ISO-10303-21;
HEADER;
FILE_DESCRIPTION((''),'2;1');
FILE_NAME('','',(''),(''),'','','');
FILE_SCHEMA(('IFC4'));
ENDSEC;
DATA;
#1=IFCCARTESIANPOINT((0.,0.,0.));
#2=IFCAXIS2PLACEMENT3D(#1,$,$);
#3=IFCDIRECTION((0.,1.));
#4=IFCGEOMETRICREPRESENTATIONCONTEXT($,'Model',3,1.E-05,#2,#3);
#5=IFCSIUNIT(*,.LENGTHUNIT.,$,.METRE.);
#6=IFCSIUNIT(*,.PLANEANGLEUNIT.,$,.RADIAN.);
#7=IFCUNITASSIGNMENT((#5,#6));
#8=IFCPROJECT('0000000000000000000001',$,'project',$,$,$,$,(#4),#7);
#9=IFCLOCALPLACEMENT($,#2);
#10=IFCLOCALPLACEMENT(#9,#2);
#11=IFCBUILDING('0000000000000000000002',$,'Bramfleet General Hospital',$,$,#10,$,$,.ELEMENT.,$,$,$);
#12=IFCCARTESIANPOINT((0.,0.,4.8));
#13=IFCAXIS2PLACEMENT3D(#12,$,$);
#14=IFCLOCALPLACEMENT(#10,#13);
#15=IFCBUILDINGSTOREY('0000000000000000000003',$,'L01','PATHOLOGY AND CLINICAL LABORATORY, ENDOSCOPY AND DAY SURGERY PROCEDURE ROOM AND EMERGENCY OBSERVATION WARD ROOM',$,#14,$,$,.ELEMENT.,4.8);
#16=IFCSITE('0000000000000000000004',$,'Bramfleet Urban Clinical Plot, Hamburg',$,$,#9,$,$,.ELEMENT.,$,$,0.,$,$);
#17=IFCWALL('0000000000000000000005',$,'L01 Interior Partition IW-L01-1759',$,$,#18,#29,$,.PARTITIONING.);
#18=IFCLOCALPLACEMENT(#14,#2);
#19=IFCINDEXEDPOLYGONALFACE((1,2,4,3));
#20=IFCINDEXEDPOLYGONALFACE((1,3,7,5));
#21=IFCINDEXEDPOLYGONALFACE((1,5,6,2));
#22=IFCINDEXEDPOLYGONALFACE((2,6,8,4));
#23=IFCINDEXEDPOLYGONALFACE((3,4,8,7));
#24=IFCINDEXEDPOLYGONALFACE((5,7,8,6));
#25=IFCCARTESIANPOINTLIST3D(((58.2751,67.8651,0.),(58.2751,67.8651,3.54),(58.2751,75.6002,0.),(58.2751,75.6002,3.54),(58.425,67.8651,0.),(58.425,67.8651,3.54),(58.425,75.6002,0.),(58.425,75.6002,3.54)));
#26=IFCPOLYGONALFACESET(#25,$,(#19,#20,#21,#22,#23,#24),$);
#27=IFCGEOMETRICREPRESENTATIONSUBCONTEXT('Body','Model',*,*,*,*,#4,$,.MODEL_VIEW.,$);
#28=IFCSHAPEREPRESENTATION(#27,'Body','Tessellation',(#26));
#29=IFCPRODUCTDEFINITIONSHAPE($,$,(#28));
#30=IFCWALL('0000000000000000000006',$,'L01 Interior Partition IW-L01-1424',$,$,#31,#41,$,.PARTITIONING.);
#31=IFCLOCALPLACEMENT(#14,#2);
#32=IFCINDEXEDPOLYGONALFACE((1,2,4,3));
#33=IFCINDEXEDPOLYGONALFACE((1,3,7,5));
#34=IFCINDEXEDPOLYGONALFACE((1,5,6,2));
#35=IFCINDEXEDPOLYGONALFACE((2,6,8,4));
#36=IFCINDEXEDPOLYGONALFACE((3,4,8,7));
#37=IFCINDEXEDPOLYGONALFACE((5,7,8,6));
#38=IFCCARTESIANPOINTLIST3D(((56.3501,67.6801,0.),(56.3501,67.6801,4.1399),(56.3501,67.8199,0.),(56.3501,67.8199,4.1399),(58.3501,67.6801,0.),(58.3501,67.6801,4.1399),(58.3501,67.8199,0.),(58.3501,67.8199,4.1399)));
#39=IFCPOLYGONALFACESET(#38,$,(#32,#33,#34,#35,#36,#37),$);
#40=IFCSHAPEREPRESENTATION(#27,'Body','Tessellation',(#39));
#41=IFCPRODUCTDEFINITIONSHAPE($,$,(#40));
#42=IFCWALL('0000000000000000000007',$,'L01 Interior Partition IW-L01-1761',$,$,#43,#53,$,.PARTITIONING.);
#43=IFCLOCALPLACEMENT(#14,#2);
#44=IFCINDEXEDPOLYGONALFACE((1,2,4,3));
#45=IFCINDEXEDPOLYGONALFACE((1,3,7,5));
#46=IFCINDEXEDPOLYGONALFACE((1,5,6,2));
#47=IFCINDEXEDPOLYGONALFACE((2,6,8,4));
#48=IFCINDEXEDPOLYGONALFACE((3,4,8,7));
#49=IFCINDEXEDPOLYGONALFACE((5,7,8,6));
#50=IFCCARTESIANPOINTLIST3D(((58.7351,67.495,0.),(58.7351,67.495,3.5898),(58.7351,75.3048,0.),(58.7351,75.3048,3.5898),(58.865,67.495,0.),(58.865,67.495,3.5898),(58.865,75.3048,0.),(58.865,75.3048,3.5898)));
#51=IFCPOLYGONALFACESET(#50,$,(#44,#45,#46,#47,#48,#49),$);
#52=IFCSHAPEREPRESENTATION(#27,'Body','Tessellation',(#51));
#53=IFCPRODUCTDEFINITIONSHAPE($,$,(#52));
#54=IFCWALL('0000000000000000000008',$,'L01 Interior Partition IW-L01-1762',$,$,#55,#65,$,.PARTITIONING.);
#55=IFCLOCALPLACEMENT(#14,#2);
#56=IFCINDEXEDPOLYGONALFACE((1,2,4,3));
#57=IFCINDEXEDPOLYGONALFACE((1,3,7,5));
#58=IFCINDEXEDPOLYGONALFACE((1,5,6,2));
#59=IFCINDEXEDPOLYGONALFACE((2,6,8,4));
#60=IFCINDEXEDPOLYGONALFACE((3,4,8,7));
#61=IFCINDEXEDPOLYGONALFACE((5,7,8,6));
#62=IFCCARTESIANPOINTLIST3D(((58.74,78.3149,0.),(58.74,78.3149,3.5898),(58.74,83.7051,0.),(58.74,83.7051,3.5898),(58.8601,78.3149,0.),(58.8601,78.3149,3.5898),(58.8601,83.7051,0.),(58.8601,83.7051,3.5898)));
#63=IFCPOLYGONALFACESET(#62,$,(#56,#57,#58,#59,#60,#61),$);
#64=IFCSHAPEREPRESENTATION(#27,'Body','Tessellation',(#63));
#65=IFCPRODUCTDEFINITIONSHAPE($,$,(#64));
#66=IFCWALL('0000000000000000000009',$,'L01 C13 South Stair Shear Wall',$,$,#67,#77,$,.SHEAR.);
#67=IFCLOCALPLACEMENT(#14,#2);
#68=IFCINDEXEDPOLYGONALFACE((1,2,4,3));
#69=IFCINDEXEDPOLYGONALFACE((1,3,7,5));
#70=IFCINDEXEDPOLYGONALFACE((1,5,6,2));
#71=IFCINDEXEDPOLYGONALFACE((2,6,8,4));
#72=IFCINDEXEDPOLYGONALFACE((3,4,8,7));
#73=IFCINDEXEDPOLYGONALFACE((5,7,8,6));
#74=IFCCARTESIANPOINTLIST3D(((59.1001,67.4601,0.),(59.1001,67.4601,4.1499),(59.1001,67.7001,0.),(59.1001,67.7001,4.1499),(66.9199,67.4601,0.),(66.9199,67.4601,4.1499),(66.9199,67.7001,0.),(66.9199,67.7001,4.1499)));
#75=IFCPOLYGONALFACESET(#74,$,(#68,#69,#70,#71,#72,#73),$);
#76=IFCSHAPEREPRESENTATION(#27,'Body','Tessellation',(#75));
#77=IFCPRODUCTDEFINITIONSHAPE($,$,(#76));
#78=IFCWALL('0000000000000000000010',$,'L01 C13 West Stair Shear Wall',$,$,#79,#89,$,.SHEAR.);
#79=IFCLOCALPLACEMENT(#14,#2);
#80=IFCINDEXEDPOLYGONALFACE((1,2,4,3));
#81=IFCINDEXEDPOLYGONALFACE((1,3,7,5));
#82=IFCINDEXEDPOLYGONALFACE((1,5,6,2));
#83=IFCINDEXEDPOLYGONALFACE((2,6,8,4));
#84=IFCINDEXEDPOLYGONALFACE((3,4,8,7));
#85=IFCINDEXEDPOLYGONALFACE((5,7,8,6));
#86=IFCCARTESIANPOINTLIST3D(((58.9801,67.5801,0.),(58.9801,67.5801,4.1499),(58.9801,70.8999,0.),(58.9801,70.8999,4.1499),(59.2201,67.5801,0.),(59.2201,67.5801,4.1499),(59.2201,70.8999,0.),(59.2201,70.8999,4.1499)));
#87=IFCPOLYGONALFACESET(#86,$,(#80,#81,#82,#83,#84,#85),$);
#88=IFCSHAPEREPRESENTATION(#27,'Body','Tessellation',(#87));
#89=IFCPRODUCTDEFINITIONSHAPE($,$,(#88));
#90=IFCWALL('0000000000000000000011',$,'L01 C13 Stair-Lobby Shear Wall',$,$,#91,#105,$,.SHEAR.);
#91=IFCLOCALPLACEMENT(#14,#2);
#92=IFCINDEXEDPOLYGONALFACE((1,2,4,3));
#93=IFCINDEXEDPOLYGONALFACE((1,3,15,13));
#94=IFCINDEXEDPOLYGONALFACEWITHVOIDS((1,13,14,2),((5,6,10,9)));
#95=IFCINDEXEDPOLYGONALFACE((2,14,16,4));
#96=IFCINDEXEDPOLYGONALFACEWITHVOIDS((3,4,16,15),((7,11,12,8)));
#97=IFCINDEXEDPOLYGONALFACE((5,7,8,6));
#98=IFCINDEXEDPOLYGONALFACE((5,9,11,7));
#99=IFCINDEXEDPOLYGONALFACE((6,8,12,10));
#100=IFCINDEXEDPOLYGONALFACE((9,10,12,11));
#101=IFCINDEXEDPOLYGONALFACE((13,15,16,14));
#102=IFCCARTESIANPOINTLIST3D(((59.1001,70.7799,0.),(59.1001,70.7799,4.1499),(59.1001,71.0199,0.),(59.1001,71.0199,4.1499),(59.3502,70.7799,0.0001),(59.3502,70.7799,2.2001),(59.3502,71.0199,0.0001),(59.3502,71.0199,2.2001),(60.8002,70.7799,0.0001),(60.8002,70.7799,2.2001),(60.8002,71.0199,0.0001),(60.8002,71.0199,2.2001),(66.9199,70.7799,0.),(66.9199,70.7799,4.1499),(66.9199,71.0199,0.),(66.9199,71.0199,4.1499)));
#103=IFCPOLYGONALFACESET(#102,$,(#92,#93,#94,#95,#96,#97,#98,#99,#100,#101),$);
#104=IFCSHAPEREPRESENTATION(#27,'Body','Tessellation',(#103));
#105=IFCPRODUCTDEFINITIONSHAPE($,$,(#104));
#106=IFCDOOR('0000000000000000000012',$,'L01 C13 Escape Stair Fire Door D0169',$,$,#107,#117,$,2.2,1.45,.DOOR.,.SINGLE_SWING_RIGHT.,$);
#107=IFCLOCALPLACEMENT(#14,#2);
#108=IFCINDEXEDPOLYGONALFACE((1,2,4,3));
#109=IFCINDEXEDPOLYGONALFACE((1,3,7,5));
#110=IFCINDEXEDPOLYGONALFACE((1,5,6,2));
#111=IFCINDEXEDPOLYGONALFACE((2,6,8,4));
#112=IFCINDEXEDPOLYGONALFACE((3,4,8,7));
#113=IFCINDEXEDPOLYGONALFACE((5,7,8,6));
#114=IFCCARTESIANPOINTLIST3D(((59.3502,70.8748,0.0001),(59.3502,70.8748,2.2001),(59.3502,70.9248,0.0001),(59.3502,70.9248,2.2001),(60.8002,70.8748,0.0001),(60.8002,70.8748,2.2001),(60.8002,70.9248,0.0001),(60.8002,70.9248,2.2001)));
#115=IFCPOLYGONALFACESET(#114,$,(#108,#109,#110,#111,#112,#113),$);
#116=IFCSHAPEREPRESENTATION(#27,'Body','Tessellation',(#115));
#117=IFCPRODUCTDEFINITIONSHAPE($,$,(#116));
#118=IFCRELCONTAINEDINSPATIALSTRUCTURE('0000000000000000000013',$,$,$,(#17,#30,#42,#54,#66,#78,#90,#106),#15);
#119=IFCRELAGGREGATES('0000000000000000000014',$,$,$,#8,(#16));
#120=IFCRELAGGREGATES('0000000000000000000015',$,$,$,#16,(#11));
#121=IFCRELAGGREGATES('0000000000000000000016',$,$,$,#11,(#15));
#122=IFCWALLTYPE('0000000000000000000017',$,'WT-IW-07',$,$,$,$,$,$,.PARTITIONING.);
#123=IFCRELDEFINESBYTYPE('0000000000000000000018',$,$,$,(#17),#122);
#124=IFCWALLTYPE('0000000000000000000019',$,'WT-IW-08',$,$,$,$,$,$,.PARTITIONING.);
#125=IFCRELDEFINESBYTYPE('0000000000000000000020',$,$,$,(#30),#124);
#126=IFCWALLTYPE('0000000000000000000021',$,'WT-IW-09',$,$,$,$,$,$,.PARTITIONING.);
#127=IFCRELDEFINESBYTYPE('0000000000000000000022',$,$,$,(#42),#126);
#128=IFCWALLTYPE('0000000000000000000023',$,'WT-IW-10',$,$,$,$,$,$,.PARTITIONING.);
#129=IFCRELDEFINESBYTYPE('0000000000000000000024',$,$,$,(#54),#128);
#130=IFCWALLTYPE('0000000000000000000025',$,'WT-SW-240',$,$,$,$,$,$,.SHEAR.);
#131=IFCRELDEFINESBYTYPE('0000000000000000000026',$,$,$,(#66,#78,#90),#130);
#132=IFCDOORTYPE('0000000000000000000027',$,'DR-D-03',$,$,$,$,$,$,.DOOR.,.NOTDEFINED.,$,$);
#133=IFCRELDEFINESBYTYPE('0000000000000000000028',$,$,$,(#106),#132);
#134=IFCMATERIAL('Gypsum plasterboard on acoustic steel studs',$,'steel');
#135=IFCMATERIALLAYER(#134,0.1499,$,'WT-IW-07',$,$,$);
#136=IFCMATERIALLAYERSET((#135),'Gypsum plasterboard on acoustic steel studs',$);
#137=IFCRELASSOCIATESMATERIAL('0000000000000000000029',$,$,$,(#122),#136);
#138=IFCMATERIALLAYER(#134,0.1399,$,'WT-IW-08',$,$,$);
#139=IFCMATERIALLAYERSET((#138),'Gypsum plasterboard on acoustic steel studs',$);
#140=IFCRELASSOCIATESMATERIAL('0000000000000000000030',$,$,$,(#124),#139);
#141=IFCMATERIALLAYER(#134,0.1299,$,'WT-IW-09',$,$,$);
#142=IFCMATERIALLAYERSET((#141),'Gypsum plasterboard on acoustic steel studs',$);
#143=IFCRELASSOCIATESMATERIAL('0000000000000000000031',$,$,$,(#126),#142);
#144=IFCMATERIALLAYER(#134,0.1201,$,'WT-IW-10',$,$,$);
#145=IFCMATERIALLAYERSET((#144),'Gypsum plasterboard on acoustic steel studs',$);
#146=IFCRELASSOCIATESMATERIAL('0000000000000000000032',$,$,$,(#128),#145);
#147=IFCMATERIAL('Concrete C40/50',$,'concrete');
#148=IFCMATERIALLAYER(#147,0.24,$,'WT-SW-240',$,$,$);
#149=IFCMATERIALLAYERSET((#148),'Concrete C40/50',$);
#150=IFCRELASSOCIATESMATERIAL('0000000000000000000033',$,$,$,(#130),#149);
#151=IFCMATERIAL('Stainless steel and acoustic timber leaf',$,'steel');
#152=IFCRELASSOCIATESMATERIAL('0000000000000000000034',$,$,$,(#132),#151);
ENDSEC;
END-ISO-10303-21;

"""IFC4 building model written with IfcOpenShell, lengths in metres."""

from ifc_helpers import new_model, si_unit, direction, frame, frame_2d, origin, place, context, subcontext, project, spatial, rectangle, extrude, material, layer, layer_set, type_object, element, fill, save


model = new_model("IFC4")

# Units and contexts
model_context = context("Model", 3, precision=1e-05, world=origin(), true_north=direction((0.0, 1.0)))
body_context = subcontext(model_context, "Body", "Model", "MODEL_VIEW")
ifc_project = project(units=[si_unit("LENGTHUNIT", "METRE"), si_unit("PLANEANGLEUNIT", "RADIAN")], contexts=[model_context])

# Site, building, storey
site_placement = place(None, origin())
site = spatial("IfcSite", under=ifc_project, at=site_placement, Name="Bramfleet Urban Clinical Plot, Hamburg", CompositionType="ELEMENT", RefElevation=0.0)
building_placement = place(site_placement, origin())
building = spatial("IfcBuilding", under=site, at=building_placement, Name="Bramfleet General Hospital", CompositionType="ELEMENT")
storey_placement = place(building_placement, frame((0.0, 0.0, 4.8)))
storey = spatial("IfcBuildingStorey", under=building, at=storey_placement, Name="L01", Description="PATHOLOGY AND CLINICAL LABORATORY, ENDOSCOPY AND DAY SURGERY PROCEDURE ROOM AND EMERGENCY OBSERVATION WARD ROOM", CompositionType="ELEMENT", Elevation=4.8)

# Shared definitions
ifc_material_1 = material(Name="Concrete C40/50", Category="concrete")

# Shared definitions
ifc_material_2 = material(Name="Stainless steel and acoustic timber leaf", Category="steel")
ifc_material_3 = material(Name="Gypsum plasterboard on acoustic steel studs", Category="steel")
________________
[Problem requirements] For each line of the material that includes the word "IFCRELDEFINESBYTYPE", make a copy.

[Your response]
#123=IFCRELDEFINESBYTYPE('0000000000000000000018',$,$,$,(#17),#122);
#125=IFCRELDEFINESBYTYPE('0000000000000000000020',$,$,$,(#30),#124);
#127=IFCRELDEFINESBYTYPE('0000000000000000000022',$,$,$,(#42),#126);
#129=IFCRELDEFINESBYTYPE('0000000000000000000024',$,$,$,(#54),#128);
#131=IFCRELDEFINESBYTYPE('0000000000000000000026',$,$,$,(#66,#78,#90),#130);
#133=IFCRELDEFINESBYTYPE('0000000000000000000028',$,$,$,(#106),#132);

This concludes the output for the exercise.